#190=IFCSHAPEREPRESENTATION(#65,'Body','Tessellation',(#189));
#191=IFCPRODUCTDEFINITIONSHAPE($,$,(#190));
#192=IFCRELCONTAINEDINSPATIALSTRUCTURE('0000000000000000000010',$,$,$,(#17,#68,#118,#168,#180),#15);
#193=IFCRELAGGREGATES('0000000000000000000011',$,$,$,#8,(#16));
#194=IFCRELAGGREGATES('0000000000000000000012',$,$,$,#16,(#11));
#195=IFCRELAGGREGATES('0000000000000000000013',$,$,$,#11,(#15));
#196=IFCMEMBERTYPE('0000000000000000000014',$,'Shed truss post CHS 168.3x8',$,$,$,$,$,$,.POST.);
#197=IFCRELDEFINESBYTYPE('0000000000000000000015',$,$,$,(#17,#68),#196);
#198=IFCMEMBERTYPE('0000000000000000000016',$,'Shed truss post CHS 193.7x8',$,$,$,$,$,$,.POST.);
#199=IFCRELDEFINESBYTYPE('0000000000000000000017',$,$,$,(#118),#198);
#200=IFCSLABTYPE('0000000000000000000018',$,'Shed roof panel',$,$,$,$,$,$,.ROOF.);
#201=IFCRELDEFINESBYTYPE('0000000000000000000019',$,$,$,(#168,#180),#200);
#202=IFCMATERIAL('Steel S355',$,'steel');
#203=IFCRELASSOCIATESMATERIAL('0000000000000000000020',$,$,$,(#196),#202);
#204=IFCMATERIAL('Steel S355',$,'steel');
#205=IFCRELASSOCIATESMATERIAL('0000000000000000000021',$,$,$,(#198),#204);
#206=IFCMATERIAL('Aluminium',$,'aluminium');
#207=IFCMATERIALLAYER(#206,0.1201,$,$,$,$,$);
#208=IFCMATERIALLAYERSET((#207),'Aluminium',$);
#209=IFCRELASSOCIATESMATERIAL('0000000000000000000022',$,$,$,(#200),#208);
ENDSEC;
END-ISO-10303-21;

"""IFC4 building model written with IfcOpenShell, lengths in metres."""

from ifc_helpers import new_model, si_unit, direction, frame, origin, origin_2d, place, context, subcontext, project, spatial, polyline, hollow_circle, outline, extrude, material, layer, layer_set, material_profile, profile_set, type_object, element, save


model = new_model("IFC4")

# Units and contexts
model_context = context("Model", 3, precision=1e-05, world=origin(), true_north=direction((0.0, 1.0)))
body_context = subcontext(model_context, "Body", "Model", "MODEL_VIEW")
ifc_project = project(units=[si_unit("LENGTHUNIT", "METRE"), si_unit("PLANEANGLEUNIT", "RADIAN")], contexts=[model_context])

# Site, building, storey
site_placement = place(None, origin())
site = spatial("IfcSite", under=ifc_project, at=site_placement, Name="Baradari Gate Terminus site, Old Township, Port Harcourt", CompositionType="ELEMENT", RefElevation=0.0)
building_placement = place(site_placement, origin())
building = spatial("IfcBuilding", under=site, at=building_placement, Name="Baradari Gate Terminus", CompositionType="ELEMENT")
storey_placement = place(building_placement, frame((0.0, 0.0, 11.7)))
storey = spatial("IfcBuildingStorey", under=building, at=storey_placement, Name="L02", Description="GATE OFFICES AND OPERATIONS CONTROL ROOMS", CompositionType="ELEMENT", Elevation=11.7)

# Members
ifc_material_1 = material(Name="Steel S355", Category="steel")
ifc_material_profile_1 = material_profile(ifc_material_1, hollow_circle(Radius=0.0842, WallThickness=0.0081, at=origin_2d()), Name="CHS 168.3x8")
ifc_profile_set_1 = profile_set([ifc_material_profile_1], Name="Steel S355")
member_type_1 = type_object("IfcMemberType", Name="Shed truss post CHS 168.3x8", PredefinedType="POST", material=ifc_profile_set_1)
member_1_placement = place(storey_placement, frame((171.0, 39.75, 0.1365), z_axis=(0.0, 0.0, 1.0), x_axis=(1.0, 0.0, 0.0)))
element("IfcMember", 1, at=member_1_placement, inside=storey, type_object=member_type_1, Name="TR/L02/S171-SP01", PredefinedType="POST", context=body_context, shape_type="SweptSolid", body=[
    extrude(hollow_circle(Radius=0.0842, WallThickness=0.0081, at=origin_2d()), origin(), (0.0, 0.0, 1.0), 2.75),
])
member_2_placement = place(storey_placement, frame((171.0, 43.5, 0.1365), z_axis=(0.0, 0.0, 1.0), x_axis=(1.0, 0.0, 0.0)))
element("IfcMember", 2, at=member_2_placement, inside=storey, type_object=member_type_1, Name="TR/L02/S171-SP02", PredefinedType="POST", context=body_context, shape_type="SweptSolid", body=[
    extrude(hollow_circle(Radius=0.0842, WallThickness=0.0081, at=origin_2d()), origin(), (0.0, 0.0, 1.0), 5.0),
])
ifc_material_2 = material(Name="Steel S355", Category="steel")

---

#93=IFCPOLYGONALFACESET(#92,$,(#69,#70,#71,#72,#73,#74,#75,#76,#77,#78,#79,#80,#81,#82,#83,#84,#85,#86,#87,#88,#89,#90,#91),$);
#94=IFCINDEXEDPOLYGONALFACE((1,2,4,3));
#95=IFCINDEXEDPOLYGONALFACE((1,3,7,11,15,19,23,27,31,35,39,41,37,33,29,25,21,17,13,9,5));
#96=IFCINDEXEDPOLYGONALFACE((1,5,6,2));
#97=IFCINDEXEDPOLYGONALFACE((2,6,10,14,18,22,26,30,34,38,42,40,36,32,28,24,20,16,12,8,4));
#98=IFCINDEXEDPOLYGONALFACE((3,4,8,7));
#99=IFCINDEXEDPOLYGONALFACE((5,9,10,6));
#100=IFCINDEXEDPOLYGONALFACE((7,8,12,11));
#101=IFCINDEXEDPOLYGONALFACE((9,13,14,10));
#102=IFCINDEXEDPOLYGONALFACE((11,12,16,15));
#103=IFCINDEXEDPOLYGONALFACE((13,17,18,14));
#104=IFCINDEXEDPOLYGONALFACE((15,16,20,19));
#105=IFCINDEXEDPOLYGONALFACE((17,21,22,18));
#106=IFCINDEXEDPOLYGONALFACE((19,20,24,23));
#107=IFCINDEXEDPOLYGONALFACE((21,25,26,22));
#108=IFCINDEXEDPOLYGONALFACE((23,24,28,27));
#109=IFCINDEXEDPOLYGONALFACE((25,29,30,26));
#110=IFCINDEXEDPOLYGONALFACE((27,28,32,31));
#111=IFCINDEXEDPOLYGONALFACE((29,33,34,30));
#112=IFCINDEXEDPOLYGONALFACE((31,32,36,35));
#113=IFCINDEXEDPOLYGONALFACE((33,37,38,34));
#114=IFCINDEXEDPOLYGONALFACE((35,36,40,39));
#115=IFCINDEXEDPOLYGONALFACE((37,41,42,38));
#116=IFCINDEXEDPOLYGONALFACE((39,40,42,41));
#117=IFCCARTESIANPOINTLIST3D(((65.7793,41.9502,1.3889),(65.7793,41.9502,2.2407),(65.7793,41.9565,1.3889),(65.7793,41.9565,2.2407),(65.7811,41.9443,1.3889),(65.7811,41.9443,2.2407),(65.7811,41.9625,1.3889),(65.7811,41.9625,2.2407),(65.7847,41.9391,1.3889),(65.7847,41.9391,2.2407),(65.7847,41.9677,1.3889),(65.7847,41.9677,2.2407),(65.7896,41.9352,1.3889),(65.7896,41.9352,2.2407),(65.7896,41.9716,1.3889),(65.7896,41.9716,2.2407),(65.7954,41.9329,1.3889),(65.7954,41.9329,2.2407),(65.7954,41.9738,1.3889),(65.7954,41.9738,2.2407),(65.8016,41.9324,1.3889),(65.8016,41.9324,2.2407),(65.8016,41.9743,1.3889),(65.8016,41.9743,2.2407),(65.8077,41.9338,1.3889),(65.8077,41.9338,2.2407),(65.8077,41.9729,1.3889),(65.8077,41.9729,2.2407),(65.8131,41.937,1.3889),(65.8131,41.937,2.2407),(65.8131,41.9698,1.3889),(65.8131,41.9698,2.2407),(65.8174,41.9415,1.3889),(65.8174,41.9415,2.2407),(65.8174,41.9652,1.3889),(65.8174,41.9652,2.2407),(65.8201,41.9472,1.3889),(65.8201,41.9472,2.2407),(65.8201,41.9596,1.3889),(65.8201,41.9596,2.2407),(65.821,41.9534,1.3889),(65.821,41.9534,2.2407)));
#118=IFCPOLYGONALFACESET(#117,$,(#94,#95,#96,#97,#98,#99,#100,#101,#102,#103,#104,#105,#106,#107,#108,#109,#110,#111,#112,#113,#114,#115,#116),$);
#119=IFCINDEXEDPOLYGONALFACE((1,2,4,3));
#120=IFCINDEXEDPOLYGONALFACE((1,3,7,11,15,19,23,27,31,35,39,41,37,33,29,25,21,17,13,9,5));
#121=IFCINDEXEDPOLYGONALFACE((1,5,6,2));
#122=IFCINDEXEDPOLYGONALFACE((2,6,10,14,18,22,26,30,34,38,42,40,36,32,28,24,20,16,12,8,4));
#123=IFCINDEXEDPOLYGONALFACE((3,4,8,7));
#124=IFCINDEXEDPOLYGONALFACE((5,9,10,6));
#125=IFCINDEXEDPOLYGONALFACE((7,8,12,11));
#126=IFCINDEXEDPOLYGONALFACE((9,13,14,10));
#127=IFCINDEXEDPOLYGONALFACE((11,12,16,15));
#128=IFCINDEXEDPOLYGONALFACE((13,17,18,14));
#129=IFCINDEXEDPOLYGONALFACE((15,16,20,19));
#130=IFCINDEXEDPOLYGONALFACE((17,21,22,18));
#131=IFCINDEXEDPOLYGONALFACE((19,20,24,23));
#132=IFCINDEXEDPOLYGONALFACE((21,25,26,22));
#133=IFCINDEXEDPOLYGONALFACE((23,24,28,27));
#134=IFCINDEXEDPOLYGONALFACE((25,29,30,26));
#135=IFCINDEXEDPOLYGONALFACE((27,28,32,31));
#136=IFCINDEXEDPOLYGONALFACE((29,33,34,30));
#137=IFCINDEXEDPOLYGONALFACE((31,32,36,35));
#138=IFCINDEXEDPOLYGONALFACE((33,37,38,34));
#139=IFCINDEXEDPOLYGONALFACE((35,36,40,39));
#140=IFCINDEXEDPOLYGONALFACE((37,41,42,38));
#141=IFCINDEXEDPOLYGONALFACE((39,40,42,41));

---

PROBLEM DESCRIPTION –
If a line above includes the string "extrude", pick it out.

RESPONSE TO THE TASK –
from ifc_helpers import new_model, si_unit, direction, frame, origin, origin_2d, place, context, subcontext, project, spatial, polyline, hollow_circle, outline, extrude, material, layer, layer_set, material_profile, profile_set, type_object, element, save
    extrude(hollow_circle(Radius=0.0842, WallThickness=0.0081, at=origin_2d()), origin(), (0.0, 0.0, 1.0), 2.75),
    extrude(hollow_circle(Radius=0.0842, WallThickness=0.0081, at=origin_2d()), origin(), (0.0, 0.0, 1.0), 5.0),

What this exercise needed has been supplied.